Exercise data:
==============================
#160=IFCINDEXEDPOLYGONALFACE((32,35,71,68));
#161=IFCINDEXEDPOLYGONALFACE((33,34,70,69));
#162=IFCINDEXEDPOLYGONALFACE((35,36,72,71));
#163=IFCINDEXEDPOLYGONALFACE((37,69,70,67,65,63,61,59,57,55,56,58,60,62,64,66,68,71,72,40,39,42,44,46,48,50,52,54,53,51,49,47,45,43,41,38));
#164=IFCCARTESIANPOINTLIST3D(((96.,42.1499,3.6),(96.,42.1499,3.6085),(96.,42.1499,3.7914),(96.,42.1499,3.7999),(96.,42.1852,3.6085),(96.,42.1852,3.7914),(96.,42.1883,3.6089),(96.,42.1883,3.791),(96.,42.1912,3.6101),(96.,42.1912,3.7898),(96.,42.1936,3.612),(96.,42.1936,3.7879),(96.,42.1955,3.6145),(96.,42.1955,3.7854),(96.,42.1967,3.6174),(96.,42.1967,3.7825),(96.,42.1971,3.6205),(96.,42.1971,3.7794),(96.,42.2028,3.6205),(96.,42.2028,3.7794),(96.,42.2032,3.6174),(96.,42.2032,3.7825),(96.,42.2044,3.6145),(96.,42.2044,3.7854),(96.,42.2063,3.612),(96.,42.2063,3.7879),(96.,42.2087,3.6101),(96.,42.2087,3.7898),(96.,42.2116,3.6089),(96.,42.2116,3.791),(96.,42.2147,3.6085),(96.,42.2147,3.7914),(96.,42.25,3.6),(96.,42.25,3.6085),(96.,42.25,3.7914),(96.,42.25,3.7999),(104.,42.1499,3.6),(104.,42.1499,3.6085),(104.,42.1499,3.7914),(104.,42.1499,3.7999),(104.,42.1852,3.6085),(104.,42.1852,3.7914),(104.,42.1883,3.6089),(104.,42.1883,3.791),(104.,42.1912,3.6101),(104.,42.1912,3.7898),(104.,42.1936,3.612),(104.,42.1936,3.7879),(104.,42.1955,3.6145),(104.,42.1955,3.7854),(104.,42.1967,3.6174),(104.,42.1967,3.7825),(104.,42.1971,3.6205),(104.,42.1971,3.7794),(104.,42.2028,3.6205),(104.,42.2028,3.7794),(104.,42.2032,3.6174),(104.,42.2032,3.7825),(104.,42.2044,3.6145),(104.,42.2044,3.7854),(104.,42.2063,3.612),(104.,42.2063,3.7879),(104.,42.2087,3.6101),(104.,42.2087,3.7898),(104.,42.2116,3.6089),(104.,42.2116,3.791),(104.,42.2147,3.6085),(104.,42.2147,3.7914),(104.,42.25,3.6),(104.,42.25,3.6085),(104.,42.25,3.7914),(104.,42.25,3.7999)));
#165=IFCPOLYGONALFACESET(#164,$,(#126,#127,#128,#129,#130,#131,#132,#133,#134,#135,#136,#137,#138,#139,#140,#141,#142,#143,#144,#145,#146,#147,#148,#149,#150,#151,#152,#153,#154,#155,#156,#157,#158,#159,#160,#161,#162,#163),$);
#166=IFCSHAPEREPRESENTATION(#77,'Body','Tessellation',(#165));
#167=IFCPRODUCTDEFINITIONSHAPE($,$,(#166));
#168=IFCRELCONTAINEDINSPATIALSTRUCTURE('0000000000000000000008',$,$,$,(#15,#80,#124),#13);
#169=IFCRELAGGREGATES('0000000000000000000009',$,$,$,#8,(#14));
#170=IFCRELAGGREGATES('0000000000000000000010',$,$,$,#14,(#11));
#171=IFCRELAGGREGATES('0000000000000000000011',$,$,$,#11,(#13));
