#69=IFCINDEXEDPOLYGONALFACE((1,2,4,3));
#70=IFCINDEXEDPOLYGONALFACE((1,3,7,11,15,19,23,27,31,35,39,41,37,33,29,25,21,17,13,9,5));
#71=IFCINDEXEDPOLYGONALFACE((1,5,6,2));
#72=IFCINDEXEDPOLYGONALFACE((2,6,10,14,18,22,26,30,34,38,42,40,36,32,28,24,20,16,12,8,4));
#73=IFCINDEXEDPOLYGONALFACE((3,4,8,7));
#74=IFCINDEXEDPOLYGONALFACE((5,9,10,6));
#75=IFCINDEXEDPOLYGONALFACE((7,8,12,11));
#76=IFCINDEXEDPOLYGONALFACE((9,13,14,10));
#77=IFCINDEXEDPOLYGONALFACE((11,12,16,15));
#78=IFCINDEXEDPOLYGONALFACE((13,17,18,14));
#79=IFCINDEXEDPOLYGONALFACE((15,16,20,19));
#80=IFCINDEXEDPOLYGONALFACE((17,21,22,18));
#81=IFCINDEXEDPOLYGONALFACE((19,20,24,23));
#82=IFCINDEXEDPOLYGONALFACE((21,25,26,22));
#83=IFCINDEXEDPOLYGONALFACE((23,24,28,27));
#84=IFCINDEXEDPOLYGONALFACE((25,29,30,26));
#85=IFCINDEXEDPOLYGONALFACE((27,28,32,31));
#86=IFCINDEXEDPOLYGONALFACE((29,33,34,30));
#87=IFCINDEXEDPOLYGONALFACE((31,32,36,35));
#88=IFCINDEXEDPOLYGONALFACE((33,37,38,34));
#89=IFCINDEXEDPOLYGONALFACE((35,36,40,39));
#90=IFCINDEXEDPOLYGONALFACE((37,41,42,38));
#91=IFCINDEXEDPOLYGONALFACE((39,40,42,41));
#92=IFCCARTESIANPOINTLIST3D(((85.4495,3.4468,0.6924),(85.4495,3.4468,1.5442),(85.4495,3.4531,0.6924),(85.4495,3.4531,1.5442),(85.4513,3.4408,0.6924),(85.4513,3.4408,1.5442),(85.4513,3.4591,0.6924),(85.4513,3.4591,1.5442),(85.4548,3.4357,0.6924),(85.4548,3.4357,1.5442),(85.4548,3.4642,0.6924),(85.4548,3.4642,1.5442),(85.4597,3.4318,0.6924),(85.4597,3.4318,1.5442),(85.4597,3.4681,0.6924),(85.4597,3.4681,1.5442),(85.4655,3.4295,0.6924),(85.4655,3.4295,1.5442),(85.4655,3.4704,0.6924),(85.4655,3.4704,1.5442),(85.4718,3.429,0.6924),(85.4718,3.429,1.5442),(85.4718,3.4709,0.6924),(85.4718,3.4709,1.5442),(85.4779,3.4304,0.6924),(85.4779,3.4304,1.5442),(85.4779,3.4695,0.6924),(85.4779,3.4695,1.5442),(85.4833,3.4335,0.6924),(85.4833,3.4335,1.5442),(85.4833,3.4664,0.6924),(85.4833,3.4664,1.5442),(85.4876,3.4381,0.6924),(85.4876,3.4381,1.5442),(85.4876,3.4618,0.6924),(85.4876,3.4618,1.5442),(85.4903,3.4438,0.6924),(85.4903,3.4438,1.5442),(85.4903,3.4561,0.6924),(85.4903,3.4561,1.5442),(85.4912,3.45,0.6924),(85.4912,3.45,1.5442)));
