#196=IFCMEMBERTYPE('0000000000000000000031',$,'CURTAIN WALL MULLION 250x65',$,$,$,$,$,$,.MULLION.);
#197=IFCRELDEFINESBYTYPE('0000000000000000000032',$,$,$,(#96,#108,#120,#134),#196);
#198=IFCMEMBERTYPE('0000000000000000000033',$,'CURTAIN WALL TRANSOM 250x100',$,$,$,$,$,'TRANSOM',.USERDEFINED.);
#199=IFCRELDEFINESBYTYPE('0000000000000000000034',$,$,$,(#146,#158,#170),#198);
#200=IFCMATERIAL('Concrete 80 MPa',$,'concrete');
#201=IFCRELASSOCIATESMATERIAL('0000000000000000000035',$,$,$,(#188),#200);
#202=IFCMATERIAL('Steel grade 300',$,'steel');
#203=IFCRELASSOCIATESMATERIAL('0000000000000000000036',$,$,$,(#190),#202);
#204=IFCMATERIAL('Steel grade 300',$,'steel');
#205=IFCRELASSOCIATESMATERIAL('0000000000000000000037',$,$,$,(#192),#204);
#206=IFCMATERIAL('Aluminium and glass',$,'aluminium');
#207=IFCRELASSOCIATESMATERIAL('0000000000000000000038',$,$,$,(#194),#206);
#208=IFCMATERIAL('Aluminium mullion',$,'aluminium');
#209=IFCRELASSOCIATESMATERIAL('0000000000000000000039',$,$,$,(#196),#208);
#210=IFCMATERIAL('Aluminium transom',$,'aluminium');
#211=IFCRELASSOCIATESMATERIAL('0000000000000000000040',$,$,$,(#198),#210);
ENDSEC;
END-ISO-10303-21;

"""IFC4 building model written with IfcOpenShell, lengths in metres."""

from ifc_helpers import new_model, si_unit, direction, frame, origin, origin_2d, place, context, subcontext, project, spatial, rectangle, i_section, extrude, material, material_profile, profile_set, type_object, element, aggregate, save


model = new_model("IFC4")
==============================
Task to complete: Return every line above in which the string "CURTAIN" occurs.

Solution to this exercise:
#196=IFCMEMBERTYPE('0000000000000000000031',$,'CURTAIN WALL MULLION 250x65',$,$,$,$,$,$,.MULLION.);
#198=IFCMEMBERTYPE('0000000000000000000033',$,'CURTAIN WALL TRANSOM 250x100',$,$,$,$,$,'TRANSOM',.USERDEFINED.);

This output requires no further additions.